___ INFORMATION GIVEN ___

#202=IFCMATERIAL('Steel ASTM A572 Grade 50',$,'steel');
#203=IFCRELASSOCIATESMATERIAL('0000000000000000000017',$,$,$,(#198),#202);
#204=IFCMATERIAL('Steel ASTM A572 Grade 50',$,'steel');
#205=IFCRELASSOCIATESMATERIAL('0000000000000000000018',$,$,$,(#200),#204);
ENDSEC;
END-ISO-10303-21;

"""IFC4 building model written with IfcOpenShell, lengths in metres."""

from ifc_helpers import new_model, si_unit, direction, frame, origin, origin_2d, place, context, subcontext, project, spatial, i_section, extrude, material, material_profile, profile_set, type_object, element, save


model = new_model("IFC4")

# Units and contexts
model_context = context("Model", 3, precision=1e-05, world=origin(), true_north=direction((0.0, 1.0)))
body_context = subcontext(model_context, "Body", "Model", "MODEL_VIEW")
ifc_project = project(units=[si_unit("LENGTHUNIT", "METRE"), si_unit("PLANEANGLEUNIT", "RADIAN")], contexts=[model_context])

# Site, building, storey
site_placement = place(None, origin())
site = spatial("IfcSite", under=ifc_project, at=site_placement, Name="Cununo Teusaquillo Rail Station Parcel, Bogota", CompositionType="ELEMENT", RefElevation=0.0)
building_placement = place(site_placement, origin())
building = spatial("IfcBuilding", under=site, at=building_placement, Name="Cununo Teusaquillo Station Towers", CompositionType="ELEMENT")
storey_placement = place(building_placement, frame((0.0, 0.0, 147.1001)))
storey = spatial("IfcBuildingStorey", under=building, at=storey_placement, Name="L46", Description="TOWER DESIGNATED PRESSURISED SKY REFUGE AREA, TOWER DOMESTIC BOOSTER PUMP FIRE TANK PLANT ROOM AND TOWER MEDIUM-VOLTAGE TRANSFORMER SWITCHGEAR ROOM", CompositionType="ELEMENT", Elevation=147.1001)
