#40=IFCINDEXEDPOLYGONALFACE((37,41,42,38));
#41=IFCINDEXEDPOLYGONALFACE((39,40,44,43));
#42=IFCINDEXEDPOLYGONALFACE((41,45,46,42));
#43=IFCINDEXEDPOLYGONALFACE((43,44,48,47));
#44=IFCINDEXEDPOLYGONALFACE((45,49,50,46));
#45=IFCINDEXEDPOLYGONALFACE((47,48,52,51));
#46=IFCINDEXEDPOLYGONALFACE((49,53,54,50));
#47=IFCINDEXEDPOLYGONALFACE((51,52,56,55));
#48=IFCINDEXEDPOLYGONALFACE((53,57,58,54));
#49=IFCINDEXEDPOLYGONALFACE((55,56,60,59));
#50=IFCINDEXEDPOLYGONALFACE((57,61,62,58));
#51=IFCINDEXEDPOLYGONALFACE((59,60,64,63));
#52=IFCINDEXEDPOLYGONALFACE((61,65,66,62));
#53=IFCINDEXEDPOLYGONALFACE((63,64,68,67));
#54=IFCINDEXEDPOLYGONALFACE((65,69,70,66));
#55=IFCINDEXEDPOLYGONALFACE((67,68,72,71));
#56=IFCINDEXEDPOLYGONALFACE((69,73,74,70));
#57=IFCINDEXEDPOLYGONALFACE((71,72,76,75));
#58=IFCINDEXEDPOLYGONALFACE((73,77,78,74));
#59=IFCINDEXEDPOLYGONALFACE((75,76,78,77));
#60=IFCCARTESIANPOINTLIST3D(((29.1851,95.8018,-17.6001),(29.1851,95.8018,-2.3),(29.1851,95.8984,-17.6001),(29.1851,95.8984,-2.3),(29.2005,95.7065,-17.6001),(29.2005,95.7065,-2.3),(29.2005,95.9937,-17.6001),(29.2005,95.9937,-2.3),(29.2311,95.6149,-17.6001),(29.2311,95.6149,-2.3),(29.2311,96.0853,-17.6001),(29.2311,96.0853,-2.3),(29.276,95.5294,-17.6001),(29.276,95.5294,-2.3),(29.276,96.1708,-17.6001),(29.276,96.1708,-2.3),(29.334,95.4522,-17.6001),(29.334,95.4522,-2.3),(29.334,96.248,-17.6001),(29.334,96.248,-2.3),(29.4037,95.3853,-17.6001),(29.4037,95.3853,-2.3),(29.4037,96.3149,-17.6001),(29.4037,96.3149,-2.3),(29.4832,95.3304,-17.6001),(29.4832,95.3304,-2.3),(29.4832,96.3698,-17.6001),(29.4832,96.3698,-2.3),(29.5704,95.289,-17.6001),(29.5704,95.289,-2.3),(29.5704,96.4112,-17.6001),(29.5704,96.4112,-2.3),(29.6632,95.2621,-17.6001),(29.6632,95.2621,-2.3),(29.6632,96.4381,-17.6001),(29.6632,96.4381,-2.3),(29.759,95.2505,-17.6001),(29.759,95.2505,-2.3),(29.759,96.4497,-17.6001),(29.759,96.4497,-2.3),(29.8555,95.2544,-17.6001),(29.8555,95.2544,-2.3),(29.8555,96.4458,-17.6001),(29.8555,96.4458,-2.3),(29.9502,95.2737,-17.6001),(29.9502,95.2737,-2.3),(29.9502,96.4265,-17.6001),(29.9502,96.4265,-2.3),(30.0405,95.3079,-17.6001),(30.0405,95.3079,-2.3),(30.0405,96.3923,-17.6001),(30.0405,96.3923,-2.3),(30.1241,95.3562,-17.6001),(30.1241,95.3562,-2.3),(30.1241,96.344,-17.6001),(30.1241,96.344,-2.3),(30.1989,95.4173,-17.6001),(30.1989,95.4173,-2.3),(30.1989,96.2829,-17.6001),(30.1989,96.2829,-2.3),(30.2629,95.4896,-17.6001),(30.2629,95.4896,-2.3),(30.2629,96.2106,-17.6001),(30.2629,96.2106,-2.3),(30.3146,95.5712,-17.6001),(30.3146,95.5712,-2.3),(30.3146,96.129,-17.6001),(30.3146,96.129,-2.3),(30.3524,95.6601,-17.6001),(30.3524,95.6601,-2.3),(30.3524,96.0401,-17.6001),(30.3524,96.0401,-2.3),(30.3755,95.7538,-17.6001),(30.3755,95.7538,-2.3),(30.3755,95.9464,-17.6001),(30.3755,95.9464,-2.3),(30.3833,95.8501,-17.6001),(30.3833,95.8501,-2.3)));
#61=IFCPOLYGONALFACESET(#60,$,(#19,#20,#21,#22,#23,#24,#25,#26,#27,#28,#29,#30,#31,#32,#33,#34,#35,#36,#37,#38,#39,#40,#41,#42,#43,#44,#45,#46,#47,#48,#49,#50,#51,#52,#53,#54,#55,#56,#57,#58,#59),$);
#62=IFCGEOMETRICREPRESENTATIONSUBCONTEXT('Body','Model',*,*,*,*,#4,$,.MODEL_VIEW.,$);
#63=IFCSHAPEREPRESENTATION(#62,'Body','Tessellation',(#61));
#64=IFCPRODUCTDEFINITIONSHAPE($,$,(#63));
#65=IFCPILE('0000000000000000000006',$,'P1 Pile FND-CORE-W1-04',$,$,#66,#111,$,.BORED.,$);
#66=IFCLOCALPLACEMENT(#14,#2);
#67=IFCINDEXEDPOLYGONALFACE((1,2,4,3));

___

TASK DIRECTIONS: Quote every line from the beginning of the entries up to and including the line that contains "DESIGNATED PRESSURISED SKY".

ANSWER SECTION:
#202=IFCMATERIAL('Steel ASTM A572 Grade 50',$,'steel');
#203=IFCRELASSOCIATESMATERIAL('0000000000000000000017',$,$,$,(#198),#202);
#204=IFCMATERIAL('Steel ASTM A572 Grade 50',$,'steel');
#205=IFCRELASSOCIATESMATERIAL('0000000000000000000018',$,$,$,(#200),#204);
ENDSEC;
END-ISO-10303-21;

"""IFC4 building model written with IfcOpenShell, lengths in metres."""

from ifc_helpers import new_model, si_unit, direction, frame, origin, origin_2d, place, context, subcontext, project, spatial, i_section, extrude, material, material_profile, profile_set, type_object, element, save


model = new_model("IFC4")

# Units and contexts
model_context = context("Model", 3, precision=1e-05, world=origin(), true_north=direction((0.0, 1.0)))
body_context = subcontext(model_context, "Body", "Model", "MODEL_VIEW")
ifc_project = project(units=[si_unit("LENGTHUNIT", "METRE"), si_unit("PLANEANGLEUNIT", "RADIAN")], contexts=[model_context])

# Site, building, storey
site_placement = place(None, origin())
site = spatial("IfcSite", under=ifc_project, at=site_placement, Name="Cununo Teusaquillo Rail Station Parcel, Bogota", CompositionType="ELEMENT", RefElevation=0.0)
building_placement = place(site_placement, origin())
building = spatial("IfcBuilding", under=site, at=building_placement, Name="Cununo Teusaquillo Station Towers", CompositionType="ELEMENT")
storey_placement = place(building_placement, frame((0.0, 0.0, 147.1001)))
storey = spatial("IfcBuildingStorey", under=building, at=storey_placement, Name="L46", Description="TOWER DESIGNATED PRESSURISED SKY REFUGE AREA, TOWER DOMESTIC BOOSTER PUMP FIRE TANK PLANT ROOM AND TOWER MEDIUM-VOLTAGE TRANSFORMER SWITCHGEAR ROOM", CompositionType="ELEMENT", Elevation=147.1001)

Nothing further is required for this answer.